Exercise description:
Please return every line of the records that contains the word "Fire".
Listed entries: Begin
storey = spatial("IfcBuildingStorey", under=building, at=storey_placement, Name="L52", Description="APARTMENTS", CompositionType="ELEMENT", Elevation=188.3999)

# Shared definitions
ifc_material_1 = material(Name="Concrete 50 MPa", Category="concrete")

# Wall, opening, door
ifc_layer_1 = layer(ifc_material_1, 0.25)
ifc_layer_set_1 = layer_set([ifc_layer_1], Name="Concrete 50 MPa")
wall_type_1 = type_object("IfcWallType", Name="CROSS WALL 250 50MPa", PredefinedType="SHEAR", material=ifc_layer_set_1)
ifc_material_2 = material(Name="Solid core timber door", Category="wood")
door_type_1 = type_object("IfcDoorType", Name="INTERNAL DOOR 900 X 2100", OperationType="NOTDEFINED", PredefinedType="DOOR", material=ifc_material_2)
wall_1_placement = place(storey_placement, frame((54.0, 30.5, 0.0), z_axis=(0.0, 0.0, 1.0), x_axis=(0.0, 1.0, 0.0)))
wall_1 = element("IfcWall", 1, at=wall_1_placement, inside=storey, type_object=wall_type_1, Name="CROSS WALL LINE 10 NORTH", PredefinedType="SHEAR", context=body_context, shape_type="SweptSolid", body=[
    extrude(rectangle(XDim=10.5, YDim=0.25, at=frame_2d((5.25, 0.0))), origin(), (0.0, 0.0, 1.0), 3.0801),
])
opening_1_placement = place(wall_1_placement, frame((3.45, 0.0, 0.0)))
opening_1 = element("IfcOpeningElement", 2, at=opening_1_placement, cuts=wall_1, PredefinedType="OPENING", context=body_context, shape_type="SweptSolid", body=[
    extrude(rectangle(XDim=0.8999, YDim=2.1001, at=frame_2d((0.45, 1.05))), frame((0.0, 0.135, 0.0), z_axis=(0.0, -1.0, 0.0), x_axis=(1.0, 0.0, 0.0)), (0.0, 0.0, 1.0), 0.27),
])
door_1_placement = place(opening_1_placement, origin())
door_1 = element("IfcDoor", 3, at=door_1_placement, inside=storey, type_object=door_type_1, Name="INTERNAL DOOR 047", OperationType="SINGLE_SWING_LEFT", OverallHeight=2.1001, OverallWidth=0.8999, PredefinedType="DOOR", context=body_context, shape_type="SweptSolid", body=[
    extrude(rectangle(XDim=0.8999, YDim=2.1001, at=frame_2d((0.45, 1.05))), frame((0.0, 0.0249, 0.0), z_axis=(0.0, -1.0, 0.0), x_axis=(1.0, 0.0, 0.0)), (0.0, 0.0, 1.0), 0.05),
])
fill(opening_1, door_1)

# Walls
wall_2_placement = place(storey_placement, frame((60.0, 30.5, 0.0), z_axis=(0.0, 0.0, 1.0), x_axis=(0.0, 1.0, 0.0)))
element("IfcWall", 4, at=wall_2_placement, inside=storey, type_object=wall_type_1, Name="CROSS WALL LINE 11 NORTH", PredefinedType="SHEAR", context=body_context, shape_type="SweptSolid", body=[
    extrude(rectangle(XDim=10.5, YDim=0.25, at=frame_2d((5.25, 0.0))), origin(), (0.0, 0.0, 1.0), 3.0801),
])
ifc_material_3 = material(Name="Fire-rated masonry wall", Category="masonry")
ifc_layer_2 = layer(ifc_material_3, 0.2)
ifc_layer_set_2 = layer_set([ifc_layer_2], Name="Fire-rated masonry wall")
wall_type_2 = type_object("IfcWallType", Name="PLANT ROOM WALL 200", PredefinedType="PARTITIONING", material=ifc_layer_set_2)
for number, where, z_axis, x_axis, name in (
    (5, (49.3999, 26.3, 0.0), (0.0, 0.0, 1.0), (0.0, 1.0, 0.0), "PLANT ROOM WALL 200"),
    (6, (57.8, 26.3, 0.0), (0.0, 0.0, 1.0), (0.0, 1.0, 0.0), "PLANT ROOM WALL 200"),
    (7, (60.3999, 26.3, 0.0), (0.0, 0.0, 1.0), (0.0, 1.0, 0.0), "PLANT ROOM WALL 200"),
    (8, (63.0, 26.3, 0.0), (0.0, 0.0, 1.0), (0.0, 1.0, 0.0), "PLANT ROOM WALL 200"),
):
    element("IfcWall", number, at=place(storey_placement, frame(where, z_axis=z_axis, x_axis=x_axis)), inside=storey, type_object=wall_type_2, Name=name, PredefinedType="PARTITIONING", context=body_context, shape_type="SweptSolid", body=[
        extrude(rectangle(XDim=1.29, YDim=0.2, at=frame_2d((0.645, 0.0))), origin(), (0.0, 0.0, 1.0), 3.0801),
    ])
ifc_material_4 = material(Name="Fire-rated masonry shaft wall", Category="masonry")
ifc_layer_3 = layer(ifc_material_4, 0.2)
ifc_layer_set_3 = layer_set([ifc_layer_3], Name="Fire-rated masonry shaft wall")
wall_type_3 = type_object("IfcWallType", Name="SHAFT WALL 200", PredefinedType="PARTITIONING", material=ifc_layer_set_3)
Listed entries: End
Listed entries: Begin
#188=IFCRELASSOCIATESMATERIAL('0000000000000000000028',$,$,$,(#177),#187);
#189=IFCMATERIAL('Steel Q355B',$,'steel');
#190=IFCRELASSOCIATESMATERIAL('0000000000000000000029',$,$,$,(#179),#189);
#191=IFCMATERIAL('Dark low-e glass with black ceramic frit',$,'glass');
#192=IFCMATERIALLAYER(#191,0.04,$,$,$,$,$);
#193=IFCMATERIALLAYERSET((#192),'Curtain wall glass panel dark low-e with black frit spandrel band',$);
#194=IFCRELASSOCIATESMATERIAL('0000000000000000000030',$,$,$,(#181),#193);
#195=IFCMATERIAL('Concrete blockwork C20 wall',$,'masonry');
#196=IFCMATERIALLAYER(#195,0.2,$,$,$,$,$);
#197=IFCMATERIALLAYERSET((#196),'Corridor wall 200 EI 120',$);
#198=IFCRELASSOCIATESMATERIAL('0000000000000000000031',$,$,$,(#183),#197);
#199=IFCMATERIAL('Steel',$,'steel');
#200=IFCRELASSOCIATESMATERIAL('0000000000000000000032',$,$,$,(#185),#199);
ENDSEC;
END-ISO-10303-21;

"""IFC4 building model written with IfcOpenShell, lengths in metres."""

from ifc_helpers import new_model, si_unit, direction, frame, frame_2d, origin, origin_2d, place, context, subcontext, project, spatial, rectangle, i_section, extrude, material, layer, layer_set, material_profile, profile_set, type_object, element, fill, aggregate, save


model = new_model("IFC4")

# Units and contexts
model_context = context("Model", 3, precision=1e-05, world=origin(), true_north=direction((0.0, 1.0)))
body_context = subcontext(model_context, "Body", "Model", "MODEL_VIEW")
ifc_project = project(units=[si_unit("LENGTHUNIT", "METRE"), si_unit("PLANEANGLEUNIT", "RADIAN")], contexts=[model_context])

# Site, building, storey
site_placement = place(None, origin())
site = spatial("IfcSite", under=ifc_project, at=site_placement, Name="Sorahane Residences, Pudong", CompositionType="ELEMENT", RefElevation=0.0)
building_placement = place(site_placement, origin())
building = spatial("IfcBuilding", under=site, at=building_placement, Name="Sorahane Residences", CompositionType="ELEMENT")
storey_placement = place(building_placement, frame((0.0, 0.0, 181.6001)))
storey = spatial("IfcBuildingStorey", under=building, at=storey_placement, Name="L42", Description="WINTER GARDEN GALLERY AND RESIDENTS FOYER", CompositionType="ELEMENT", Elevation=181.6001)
Listed entries: End
Result for this task:
ifc_material_3 = material(Name="Fire-rated masonry wall", Category="masonry")
ifc_layer_set_2 = layer_set([ifc_layer_2], Name="Fire-rated masonry wall")
ifc_material_4 = material(Name="Fire-rated masonry shaft wall", Category="masonry")
ifc_layer_set_3 = layer_set([ifc_layer_3], Name="Fire-rated masonry shaft wall")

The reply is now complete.